What the exercise asks: Every entry in the listing is to be reproduced exactly.
┄┄┄┄┄┄┄┄┄┄
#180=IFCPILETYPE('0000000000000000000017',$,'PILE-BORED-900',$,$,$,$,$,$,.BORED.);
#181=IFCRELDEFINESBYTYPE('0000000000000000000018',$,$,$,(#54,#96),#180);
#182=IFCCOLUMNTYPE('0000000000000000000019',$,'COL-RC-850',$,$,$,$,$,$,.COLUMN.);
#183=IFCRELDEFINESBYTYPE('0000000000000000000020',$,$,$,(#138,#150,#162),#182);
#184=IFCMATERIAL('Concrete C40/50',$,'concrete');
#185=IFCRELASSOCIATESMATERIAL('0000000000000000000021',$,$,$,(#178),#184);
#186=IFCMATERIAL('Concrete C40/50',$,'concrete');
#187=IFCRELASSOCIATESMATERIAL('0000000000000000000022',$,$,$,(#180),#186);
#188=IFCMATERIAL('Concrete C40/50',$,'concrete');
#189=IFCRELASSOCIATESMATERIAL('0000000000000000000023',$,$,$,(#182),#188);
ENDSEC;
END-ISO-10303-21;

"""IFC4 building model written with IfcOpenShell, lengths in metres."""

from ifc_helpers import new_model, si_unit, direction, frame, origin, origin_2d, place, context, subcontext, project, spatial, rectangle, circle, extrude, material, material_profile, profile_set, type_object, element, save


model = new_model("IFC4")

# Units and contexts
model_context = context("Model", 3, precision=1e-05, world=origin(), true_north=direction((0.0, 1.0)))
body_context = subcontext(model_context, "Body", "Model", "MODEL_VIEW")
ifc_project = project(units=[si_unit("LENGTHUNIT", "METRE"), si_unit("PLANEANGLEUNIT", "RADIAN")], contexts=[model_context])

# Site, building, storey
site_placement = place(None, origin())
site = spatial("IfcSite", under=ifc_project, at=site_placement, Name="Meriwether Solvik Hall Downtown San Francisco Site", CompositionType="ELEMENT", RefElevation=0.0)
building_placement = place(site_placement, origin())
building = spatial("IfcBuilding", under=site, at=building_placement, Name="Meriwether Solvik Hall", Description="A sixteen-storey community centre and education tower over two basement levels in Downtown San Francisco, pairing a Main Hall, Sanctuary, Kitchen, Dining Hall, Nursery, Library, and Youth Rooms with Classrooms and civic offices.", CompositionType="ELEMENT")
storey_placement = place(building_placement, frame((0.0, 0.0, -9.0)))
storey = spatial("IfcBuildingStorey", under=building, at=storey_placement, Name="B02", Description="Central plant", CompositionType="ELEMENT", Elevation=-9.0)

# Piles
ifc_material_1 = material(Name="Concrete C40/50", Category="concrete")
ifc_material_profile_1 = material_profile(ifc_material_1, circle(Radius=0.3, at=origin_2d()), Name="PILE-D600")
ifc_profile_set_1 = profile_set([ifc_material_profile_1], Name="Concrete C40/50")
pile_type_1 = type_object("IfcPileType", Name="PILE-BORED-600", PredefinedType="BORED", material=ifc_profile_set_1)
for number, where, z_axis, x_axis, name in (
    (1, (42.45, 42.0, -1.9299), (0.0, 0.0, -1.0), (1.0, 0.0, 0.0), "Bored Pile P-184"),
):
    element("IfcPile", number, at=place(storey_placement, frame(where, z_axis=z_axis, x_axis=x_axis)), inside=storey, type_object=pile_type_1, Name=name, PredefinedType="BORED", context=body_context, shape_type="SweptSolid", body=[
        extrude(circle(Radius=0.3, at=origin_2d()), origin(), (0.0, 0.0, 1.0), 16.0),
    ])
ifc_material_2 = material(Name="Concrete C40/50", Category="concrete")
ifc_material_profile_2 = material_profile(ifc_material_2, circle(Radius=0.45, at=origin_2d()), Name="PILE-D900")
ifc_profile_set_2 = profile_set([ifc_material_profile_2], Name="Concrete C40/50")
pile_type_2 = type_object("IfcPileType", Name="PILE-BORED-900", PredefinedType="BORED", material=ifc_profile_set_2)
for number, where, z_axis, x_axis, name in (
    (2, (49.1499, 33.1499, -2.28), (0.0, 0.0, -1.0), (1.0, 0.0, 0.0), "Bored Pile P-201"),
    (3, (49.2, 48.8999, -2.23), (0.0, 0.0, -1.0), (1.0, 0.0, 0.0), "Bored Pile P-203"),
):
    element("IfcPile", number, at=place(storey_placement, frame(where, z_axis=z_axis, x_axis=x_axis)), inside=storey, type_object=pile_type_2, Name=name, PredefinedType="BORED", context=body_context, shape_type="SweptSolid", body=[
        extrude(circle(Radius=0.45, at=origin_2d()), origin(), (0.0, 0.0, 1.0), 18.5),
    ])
┄┄┄┄┄┄┄┄┄┄
Answer to the exercise:
#180=IFCPILETYPE('0000000000000000000017',$,'PILE-BORED-900',$,$,$,$,$,$,.BORED.);
#181=IFCRELDEFINESBYTYPE('0000000000000000000018',$,$,$,(#54,#96),#180);
#182=IFCCOLUMNTYPE('0000000000000000000019',$,'COL-RC-850',$,$,$,$,$,$,.COLUMN.);
#183=IFCRELDEFINESBYTYPE('0000000000000000000020',$,$,$,(#138,#150,#162),#182);
#184=IFCMATERIAL('Concrete C40/50',$,'concrete');
#185=IFCRELASSOCIATESMATERIAL('0000000000000000000021',$,$,$,(#178),#184);
#186=IFCMATERIAL('Concrete C40/50',$,'concrete');
#187=IFCRELASSOCIATESMATERIAL('0000000000000000000022',$,$,$,(#180),#186);
#188=IFCMATERIAL('Concrete C40/50',$,'concrete');
#189=IFCRELASSOCIATESMATERIAL('0000000000000000000023',$,$,$,(#182),#188);
ENDSEC;
END-ISO-10303-21;

"""IFC4 building model written with IfcOpenShell, lengths in metres."""

from ifc_helpers import new_model, si_unit, direction, frame, origin, origin_2d, place, context, subcontext, project, spatial, rectangle, circle, extrude, material, material_profile, profile_set, type_object, element, save


model = new_model("IFC4")

# Units and contexts
model_context = context("Model", 3, precision=1e-05, world=origin(), true_north=direction((0.0, 1.0)))
body_context = subcontext(model_context, "Body", "Model", "MODEL_VIEW")
ifc_project = project(units=[si_unit("LENGTHUNIT", "METRE"), si_unit("PLANEANGLEUNIT", "RADIAN")], contexts=[model_context])

# Site, building, storey
site_placement = place(None, origin())
site = spatial("IfcSite", under=ifc_project, at=site_placement, Name="Meriwether Solvik Hall Downtown San Francisco Site", CompositionType="ELEMENT", RefElevation=0.0)
building_placement = place(site_placement, origin())
building = spatial("IfcBuilding", under=site, at=building_placement, Name="Meriwether Solvik Hall", Description="A sixteen-storey community centre and education tower over two basement levels in Downtown San Francisco, pairing a Main Hall, Sanctuary, Kitchen, Dining Hall, Nursery, Library, and Youth Rooms with Classrooms and civic offices.", CompositionType="ELEMENT")
storey_placement = place(building_placement, frame((0.0, 0.0, -9.0)))
storey = spatial("IfcBuildingStorey", under=building, at=storey_placement, Name="B02", Description="Central plant", CompositionType="ELEMENT", Elevation=-9.0)

# Piles
ifc_material_1 = material(Name="Concrete C40/50", Category="concrete")
ifc_material_profile_1 = material_profile(ifc_material_1, circle(Radius=0.3, at=origin_2d()), Name="PILE-D600")
ifc_profile_set_1 = profile_set([ifc_material_profile_1], Name="Concrete C40/50")
pile_type_1 = type_object("IfcPileType", Name="PILE-BORED-600", PredefinedType="BORED", material=ifc_profile_set_1)
for number, where, z_axis, x_axis, name in (
    (1, (42.45, 42.0, -1.9299), (0.0, 0.0, -1.0), (1.0, 0.0, 0.0), "Bored Pile P-184"),
):
    element("IfcPile", number, at=place(storey_placement, frame(where, z_axis=z_axis, x_axis=x_axis)), inside=storey, type_object=pile_type_1, Name=name, PredefinedType="BORED", context=body_context, shape_type="SweptSolid", body=[
        extrude(circle(Radius=0.3, at=origin_2d()), origin(), (0.0, 0.0, 1.0), 16.0),
    ])
ifc_material_2 = material(Name="Concrete C40/50", Category="concrete")
ifc_material_profile_2 = material_profile(ifc_material_2, circle(Radius=0.45, at=origin_2d()), Name="PILE-D900")
ifc_profile_set_2 = profile_set([ifc_material_profile_2], Name="Concrete C40/50")
pile_type_2 = type_object("IfcPileType", Name="PILE-BORED-900", PredefinedType="BORED", material=ifc_profile_set_2)
for number, where, z_axis, x_axis, name in (
    (2, (49.1499, 33.1499, -2.28), (0.0, 0.0, -1.0), (1.0, 0.0, 0.0), "Bored Pile P-201"),
    (3, (49.2, 48.8999, -2.23), (0.0, 0.0, -1.0), (1.0, 0.0, 0.0), "Bored Pile P-203"),
):
    element("IfcPile", number, at=place(storey_placement, frame(where, z_axis=z_axis, x_axis=x_axis)), inside=storey, type_object=pile_type_2, Name=name, PredefinedType="BORED", context=body_context, shape_type="SweptSolid", body=[
        extrude(circle(Radius=0.45, at=origin_2d()), origin(), (0.0, 0.0, 1.0), 18.5),
    ])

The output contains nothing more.